● What this task involves
Using the listing below, report all lines holding the word "IFCPRODUCTDEFINITIONSHAPE".

-------- The data

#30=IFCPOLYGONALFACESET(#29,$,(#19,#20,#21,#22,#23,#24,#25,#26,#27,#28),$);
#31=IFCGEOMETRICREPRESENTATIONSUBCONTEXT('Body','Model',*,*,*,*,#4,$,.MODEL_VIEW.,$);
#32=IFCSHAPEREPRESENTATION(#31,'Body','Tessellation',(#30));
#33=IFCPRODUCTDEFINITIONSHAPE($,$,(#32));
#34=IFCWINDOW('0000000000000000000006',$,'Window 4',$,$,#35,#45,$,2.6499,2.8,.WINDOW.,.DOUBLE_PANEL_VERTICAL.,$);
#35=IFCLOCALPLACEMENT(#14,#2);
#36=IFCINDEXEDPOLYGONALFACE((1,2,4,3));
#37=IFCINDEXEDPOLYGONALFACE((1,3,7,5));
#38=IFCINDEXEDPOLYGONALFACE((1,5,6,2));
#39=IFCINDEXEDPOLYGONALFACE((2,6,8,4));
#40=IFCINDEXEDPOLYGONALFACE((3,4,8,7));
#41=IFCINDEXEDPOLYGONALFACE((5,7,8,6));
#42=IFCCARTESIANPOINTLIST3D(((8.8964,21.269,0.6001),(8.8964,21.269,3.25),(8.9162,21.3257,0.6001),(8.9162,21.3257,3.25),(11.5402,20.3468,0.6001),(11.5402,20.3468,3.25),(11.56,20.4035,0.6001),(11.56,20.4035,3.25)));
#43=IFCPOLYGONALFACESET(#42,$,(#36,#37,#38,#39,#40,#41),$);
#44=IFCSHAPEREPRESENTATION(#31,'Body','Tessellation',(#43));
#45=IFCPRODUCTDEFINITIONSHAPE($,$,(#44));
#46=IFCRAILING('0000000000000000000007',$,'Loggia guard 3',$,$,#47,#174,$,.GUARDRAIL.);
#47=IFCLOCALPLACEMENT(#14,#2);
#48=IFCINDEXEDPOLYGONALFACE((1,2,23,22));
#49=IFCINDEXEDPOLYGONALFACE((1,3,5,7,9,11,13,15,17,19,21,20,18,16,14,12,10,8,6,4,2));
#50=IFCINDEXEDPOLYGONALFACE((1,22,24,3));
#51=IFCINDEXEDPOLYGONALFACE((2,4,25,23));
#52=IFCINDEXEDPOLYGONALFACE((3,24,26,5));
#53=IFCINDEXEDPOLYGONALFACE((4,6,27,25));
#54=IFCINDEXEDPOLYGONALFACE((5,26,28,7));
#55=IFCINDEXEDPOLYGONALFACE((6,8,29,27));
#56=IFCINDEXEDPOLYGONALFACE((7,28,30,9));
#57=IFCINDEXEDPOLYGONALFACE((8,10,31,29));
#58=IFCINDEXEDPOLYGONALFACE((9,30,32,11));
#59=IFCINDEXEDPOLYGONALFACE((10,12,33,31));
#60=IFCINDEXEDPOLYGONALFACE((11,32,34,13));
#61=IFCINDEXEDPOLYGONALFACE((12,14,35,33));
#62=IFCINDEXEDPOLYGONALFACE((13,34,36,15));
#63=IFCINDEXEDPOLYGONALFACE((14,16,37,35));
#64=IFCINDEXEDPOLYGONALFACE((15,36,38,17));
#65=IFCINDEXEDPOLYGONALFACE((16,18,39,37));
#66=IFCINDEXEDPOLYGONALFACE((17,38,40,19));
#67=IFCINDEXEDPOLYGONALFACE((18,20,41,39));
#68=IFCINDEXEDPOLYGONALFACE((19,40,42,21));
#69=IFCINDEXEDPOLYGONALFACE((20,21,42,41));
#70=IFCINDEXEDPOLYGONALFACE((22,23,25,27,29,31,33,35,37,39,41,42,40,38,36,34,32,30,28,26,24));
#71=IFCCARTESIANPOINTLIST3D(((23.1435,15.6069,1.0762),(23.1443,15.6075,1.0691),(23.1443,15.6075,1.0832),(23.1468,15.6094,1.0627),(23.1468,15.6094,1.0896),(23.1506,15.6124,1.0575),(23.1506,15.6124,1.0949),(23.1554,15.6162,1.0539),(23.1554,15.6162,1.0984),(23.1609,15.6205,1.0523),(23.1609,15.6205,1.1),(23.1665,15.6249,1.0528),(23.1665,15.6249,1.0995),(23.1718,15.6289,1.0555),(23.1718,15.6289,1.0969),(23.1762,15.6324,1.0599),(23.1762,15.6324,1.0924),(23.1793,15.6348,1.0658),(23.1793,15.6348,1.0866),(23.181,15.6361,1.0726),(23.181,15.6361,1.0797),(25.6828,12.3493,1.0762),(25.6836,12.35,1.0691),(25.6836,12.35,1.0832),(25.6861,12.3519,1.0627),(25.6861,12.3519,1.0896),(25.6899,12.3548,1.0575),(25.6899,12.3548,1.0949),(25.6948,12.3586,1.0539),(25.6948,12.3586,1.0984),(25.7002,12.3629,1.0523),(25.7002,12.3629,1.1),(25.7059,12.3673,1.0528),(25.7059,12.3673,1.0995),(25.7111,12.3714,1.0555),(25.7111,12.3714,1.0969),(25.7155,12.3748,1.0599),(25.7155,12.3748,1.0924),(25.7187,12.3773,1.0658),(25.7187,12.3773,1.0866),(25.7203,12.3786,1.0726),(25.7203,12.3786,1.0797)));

----------------

● Solution below
#33=IFCPRODUCTDEFINITIONSHAPE($,$,(#32));
#45=IFCPRODUCTDEFINITIONSHAPE($,$,(#44));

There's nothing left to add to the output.